**What you have to do**
Search the records below for "unknown" and copy every line it turns up in.

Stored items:
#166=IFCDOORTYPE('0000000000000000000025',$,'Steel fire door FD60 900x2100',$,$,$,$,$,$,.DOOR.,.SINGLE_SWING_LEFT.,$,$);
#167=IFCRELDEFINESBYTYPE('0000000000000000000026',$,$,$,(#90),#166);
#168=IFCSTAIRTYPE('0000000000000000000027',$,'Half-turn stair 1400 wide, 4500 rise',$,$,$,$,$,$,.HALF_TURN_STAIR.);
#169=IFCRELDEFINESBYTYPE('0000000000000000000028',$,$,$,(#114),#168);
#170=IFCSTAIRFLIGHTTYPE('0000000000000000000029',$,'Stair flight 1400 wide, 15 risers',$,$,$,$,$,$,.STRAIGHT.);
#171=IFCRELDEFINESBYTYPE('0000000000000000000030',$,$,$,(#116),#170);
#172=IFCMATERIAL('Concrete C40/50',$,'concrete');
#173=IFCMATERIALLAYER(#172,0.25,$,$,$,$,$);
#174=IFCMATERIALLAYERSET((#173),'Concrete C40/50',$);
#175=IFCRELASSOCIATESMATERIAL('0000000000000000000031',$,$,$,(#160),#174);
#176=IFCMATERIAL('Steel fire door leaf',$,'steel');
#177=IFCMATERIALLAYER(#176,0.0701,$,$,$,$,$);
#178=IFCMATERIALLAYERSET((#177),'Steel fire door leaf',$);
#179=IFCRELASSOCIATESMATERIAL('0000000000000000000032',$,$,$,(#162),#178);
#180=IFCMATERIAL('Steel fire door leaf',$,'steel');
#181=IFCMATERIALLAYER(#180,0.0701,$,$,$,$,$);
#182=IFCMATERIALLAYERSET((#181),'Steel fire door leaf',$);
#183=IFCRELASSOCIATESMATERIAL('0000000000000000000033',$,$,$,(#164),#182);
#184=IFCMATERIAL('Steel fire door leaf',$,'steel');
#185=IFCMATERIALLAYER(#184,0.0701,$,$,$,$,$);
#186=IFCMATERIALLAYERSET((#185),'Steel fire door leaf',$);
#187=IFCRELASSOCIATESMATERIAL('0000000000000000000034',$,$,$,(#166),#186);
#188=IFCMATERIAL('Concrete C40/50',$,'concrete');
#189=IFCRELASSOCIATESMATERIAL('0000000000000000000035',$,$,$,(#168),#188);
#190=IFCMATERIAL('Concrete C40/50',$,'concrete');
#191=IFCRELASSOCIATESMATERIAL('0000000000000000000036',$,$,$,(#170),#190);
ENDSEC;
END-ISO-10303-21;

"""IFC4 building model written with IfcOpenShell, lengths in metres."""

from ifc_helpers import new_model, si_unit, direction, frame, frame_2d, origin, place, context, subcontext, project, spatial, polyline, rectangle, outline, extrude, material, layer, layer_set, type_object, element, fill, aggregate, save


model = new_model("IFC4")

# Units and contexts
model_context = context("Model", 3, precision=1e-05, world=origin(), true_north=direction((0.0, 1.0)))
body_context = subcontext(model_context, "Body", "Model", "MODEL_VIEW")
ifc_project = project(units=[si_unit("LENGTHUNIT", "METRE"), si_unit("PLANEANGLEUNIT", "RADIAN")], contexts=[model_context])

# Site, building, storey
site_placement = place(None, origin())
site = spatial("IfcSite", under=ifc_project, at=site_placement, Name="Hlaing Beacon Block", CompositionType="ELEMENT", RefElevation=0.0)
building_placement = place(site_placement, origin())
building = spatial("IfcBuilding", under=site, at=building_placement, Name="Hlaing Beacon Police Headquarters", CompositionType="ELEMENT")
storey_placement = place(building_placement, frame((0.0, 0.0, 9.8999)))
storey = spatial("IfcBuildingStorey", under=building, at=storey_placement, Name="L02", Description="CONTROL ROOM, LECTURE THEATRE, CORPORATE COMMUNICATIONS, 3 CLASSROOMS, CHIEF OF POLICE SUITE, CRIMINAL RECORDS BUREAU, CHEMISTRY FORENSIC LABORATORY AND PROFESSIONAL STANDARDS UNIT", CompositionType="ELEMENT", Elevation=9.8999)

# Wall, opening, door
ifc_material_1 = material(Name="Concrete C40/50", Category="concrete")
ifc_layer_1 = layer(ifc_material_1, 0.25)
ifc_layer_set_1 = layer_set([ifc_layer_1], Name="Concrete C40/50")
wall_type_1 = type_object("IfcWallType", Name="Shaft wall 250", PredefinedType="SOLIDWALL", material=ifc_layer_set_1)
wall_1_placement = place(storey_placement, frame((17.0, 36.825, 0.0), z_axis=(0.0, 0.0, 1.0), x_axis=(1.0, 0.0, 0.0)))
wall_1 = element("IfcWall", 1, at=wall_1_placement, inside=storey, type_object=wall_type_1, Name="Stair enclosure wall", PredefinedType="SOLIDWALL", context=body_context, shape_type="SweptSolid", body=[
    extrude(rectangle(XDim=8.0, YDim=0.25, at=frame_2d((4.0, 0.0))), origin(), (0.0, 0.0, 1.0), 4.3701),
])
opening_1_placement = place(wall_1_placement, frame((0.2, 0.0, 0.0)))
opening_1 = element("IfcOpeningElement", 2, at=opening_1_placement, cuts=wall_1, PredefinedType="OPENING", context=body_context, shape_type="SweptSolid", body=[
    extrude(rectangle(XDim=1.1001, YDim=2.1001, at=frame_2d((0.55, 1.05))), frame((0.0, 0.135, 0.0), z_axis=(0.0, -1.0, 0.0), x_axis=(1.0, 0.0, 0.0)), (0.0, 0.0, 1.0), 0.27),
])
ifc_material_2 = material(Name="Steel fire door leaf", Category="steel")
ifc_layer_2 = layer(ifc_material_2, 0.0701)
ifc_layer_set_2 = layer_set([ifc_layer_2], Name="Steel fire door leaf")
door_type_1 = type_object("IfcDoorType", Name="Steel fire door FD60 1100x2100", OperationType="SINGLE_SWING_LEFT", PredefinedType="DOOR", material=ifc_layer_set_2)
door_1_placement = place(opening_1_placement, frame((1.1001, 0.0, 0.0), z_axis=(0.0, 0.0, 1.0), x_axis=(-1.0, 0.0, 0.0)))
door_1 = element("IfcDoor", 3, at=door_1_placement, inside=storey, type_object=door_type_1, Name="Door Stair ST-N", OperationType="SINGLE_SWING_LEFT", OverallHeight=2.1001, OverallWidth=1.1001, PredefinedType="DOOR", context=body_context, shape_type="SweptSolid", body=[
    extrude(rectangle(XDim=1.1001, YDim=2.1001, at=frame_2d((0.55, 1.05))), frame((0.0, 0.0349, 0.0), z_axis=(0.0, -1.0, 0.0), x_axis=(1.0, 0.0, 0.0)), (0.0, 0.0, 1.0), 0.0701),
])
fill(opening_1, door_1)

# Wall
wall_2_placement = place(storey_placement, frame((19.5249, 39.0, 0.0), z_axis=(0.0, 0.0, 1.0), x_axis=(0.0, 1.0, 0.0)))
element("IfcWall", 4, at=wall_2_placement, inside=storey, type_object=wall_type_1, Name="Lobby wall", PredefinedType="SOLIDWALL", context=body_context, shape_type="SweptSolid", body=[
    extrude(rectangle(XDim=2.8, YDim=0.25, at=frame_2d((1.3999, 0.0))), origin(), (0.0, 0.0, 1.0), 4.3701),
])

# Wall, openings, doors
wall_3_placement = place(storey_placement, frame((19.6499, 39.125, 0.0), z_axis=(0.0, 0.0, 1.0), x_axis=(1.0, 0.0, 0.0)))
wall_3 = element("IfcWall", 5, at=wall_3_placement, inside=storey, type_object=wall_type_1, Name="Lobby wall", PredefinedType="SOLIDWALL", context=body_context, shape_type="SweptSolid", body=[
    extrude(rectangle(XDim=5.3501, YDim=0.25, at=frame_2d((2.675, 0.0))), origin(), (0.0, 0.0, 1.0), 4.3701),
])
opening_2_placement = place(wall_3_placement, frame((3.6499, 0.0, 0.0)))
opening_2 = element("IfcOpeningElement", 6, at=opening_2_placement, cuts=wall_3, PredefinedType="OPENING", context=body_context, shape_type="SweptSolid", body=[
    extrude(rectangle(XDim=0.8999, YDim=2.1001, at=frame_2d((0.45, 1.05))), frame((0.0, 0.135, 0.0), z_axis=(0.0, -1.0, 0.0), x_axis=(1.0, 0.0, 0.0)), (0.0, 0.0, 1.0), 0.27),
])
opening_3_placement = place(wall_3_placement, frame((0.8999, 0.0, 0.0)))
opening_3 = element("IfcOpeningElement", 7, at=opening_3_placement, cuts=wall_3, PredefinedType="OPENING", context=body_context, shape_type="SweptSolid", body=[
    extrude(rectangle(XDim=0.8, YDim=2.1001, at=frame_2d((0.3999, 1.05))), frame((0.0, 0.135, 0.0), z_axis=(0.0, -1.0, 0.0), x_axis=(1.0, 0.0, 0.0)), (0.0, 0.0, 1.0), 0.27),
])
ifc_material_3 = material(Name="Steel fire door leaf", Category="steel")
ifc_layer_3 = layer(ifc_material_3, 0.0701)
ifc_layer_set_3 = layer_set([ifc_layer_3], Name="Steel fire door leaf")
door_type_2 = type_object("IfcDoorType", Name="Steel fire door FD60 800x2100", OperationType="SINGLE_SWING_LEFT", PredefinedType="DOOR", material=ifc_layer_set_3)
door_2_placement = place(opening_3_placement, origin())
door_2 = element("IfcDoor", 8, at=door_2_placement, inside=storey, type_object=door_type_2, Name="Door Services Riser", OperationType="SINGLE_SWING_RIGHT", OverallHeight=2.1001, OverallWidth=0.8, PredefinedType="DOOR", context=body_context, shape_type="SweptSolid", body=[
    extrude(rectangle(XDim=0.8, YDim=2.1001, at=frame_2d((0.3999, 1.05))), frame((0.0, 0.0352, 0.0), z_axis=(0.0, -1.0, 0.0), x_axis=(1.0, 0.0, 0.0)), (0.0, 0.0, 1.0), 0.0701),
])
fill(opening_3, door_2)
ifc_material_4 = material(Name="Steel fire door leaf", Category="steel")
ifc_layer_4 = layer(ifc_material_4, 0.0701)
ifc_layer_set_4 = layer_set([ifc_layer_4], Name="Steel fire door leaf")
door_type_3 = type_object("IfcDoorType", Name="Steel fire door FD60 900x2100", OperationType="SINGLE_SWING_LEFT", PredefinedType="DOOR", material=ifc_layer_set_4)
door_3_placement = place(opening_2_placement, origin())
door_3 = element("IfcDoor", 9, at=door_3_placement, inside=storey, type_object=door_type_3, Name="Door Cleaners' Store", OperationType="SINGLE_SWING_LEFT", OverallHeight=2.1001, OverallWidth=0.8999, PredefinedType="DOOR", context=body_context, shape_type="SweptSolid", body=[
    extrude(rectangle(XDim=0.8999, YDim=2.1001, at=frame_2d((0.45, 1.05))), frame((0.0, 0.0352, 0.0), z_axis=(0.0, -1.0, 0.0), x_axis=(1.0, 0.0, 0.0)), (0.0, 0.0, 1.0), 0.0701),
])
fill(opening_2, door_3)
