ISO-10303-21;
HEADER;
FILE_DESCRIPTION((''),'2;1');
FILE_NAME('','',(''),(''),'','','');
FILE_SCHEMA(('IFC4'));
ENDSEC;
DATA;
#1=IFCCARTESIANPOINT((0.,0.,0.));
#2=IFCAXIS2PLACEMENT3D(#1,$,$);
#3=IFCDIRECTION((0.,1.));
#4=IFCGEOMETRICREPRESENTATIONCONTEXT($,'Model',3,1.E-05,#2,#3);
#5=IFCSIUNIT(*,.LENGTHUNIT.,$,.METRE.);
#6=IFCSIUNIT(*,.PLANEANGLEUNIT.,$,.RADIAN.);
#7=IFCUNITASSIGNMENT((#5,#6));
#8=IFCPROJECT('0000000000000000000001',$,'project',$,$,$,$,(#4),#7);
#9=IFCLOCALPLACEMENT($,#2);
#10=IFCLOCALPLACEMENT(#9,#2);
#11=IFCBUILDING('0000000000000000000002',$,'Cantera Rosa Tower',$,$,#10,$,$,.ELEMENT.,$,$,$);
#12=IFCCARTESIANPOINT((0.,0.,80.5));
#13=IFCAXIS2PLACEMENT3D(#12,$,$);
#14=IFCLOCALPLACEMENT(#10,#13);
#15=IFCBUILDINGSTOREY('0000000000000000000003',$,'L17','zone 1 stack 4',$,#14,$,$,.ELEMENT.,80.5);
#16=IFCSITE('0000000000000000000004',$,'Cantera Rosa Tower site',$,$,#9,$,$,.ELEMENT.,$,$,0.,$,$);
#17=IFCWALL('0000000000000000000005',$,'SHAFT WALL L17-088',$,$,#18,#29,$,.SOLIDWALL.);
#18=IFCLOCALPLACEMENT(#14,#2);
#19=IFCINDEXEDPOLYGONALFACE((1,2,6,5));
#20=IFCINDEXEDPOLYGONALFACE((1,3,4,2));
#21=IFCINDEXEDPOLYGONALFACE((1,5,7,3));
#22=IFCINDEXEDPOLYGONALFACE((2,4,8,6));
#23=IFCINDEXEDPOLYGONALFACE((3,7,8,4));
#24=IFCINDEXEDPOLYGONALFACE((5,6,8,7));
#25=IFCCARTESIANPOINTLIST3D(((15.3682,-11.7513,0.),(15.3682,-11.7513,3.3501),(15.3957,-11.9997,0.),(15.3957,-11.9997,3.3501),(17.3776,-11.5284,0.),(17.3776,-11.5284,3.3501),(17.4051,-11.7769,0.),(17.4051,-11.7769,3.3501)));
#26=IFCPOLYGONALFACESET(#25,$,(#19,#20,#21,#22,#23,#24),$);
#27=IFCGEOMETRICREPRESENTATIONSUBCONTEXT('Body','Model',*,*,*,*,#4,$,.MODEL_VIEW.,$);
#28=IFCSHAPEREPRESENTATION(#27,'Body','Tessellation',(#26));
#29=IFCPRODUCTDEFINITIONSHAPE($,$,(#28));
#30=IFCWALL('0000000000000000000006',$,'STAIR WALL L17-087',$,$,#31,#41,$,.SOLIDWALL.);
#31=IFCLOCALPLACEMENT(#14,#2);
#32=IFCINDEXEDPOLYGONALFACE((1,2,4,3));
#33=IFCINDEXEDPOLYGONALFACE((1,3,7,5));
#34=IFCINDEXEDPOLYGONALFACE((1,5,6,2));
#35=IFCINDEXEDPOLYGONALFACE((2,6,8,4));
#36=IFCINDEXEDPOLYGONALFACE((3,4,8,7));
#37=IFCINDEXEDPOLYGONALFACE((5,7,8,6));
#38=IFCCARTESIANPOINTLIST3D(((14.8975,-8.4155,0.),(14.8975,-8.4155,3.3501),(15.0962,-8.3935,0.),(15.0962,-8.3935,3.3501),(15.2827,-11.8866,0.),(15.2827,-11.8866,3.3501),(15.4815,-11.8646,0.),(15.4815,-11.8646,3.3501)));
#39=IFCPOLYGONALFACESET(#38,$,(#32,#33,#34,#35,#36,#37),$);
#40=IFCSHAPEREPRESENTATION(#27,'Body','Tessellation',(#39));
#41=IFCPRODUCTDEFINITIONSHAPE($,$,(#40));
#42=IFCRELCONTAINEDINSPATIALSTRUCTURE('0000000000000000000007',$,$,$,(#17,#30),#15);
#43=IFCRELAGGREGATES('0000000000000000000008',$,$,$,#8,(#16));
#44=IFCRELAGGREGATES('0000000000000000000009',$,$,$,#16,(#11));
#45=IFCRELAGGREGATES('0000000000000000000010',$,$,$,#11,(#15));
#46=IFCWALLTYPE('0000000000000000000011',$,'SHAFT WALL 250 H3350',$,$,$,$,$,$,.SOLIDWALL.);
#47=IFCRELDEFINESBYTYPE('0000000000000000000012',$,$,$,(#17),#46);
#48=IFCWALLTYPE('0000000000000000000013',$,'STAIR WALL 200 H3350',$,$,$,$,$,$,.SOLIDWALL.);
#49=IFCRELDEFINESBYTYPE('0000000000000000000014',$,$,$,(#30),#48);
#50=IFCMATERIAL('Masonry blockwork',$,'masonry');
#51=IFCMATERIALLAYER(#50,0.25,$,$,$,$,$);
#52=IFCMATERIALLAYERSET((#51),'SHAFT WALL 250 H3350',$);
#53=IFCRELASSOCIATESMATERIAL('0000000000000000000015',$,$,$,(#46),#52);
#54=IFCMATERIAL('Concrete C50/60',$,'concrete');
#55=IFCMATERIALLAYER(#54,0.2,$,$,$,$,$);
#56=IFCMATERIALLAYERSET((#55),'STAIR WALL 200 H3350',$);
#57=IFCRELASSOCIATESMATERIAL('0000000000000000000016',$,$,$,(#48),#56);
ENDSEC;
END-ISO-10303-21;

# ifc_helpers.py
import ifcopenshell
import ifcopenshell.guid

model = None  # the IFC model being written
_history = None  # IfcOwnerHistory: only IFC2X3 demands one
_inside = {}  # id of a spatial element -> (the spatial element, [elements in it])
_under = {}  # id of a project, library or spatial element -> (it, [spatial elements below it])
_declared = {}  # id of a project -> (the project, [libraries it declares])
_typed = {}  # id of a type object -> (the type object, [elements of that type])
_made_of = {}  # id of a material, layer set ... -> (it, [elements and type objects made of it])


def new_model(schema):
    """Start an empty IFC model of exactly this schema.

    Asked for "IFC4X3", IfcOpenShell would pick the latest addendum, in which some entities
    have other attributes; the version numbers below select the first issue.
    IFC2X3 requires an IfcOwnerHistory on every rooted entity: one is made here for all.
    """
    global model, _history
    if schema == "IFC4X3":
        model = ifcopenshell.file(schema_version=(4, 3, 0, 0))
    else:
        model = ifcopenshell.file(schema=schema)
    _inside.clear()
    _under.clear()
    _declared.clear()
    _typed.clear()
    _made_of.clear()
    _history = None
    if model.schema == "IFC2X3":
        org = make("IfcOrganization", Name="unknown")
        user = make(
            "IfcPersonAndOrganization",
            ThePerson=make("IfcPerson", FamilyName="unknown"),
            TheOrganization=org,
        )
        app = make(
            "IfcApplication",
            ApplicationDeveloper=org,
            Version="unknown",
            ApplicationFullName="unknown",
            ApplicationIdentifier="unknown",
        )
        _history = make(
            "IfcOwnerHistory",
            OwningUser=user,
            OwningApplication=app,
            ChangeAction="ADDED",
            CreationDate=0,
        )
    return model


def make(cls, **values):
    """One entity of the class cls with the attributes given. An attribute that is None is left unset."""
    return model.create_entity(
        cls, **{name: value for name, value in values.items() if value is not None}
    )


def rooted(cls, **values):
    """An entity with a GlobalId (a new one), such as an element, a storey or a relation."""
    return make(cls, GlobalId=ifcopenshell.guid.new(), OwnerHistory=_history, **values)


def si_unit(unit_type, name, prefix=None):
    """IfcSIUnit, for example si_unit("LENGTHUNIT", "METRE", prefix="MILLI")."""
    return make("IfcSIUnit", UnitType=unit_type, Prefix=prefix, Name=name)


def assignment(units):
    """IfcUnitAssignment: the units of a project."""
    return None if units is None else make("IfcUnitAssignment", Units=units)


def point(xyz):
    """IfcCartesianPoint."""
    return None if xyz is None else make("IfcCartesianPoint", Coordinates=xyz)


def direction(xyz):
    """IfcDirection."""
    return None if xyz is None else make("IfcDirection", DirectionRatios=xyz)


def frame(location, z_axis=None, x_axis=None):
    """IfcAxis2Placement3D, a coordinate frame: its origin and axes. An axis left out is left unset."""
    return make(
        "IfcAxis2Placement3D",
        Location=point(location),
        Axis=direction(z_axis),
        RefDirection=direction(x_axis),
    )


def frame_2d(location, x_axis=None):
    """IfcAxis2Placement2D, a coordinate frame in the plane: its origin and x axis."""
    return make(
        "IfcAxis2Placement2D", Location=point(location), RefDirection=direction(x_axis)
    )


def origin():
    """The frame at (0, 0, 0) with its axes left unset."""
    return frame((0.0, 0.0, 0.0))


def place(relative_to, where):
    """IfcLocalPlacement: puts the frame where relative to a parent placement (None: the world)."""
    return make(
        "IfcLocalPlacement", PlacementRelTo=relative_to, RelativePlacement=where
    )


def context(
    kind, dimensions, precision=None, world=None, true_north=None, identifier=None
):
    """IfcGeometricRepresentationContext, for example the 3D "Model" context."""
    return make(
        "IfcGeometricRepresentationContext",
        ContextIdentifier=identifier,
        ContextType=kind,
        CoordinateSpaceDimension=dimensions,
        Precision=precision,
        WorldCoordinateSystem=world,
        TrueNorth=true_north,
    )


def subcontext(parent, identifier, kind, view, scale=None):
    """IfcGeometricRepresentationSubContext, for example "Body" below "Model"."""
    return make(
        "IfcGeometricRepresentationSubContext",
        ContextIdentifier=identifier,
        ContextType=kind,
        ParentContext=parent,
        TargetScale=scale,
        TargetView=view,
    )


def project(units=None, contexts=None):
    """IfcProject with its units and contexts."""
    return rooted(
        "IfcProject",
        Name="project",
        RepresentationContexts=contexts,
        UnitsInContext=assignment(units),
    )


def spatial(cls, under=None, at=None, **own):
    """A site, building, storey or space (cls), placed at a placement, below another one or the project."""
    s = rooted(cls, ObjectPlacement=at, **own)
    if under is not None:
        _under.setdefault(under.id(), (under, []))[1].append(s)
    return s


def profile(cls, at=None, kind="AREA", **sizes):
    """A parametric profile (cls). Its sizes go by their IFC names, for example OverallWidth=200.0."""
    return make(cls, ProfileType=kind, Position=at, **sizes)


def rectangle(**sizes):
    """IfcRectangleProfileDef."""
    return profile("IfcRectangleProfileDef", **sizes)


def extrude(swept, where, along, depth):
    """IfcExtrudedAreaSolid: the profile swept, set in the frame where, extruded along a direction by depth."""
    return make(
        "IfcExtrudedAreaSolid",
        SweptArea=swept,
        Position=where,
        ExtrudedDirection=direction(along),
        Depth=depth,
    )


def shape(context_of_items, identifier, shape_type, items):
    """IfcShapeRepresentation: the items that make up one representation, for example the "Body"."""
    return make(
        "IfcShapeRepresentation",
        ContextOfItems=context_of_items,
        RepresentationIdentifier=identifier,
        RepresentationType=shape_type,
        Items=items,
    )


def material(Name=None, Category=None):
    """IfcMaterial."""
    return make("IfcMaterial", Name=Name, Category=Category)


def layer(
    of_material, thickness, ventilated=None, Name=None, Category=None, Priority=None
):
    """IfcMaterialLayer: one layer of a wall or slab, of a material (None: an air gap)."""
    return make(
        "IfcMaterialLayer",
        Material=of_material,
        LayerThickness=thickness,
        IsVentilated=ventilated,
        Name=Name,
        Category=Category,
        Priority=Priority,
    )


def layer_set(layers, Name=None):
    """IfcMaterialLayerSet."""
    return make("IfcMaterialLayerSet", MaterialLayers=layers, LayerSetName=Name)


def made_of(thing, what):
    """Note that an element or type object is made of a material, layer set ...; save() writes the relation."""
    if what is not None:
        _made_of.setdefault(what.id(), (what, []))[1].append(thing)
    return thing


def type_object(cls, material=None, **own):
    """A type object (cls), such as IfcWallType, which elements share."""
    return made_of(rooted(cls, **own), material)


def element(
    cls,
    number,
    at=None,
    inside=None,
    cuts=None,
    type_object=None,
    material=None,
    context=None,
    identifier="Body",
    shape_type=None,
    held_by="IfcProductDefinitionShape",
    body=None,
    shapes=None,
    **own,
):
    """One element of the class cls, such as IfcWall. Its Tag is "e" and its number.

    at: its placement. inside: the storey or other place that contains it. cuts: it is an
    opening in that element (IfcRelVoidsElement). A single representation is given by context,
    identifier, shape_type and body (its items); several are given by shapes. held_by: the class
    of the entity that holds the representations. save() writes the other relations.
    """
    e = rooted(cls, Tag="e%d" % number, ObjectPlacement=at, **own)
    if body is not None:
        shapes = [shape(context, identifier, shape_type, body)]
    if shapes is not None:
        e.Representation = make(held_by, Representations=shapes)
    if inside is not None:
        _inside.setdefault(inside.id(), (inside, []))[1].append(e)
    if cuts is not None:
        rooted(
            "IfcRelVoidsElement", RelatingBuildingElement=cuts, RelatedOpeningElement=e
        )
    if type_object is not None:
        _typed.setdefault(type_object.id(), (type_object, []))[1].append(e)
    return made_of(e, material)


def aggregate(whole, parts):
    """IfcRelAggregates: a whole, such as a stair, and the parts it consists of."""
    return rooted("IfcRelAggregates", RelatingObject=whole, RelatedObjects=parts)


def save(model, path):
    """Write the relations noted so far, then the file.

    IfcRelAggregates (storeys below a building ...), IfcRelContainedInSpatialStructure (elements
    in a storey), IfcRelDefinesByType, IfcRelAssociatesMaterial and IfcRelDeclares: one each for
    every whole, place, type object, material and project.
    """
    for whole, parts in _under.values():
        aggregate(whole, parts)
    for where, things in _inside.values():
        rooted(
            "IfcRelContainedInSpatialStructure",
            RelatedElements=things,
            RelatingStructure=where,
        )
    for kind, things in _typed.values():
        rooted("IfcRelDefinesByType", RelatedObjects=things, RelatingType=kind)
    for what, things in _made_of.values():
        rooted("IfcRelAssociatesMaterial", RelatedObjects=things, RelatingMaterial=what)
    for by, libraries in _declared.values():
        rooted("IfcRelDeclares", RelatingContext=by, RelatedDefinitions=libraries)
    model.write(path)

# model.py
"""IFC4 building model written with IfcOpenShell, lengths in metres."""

from ifc_helpers import new_model, si_unit, direction, frame, frame_2d, origin, place, context, subcontext, project, spatial, rectangle, extrude, material, layer, layer_set, type_object, element, save


model = new_model("IFC4")

# Units and contexts
model_context = context("Model", 3, precision=1e-05, world=origin(), true_north=direction((0.0, 1.0)))
body_context = subcontext(model_context, "Body", "Model", "MODEL_VIEW")
ifc_project = project(units=[si_unit("LENGTHUNIT", "METRE"), si_unit("PLANEANGLEUNIT", "RADIAN")], contexts=[model_context])

# Site, building, storey
site_placement = place(None, origin())
site = spatial("IfcSite", under=ifc_project, at=site_placement, Name="Cantera Rosa Tower site", CompositionType="ELEMENT", RefElevation=0.0)
building_placement = place(site_placement, origin())
building = spatial("IfcBuilding", under=site, at=building_placement, Name="Cantera Rosa Tower", CompositionType="ELEMENT")
storey_placement = place(building_placement, frame((0.0, 0.0, 80.5)))
storey = spatial("IfcBuildingStorey", under=building, at=storey_placement, Name="L17", Description="zone 1 stack 4", CompositionType="ELEMENT", Elevation=80.5)

# Walls
ifc_material_1 = material(Name="Masonry blockwork", Category="masonry")
ifc_layer_1 = layer(ifc_material_1, 0.25)
ifc_layer_set_1 = layer_set([ifc_layer_1], Name="SHAFT WALL 250 H3350")
wall_type_1 = type_object("IfcWallType", Name="SHAFT WALL 250 H3350", PredefinedType="SOLIDWALL", material=ifc_layer_set_1)
wall_1_placement = place(storey_placement, frame((15.3821, -11.8755, 0.0), z_axis=(0.0, 0.0, 1.0), x_axis=(0.993904, 0.110246, 0.0)))
element("IfcWall", 1, at=wall_1_placement, inside=storey, type_object=wall_type_1, Name="SHAFT WALL L17-088", PredefinedType="SOLIDWALL", context=body_context, shape_type="SweptSolid", body=[
    extrude(rectangle(XDim=2.0217, YDim=0.25, at=frame_2d((1.0107, 0.0))), origin(), (0.0, 0.0, 1.0), 3.3501),
])
ifc_material_2 = material(Name="Concrete C50/60", Category="concrete")
ifc_layer_2 = layer(ifc_material_2, 0.2)
ifc_layer_set_2 = layer_set([ifc_layer_2], Name="STAIR WALL 200 H3350")
wall_type_2 = type_object("IfcWallType", Name="STAIR WALL 200 H3350", PredefinedType="SOLIDWALL", material=ifc_layer_set_2)
wall_2_placement = place(storey_placement, frame((15.3821, -11.8755, 0.0), z_axis=(0.0, 0.0, 1.0), x_axis=(-0.110309, 0.993897, 0.0)))
element("IfcWall", 2, at=wall_2_placement, inside=storey, type_object=wall_type_2, Name="STAIR WALL L17-087", PredefinedType="SOLIDWALL", context=body_context, shape_type="SweptSolid", body=[
    extrude(rectangle(XDim=3.4924, YDim=0.2, at=frame_2d((1.7461, 0.0))), origin(), (0.0, 0.0, 1.0), 3.3501),
])

save(model, "model.ifc")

**Task answer**
        org = make("IfcOrganization", Name="unknown")
            ThePerson=make("IfcPerson", FamilyName="unknown"),
            Version="unknown",
            ApplicationFullName="unknown",
            ApplicationIdentifier="unknown",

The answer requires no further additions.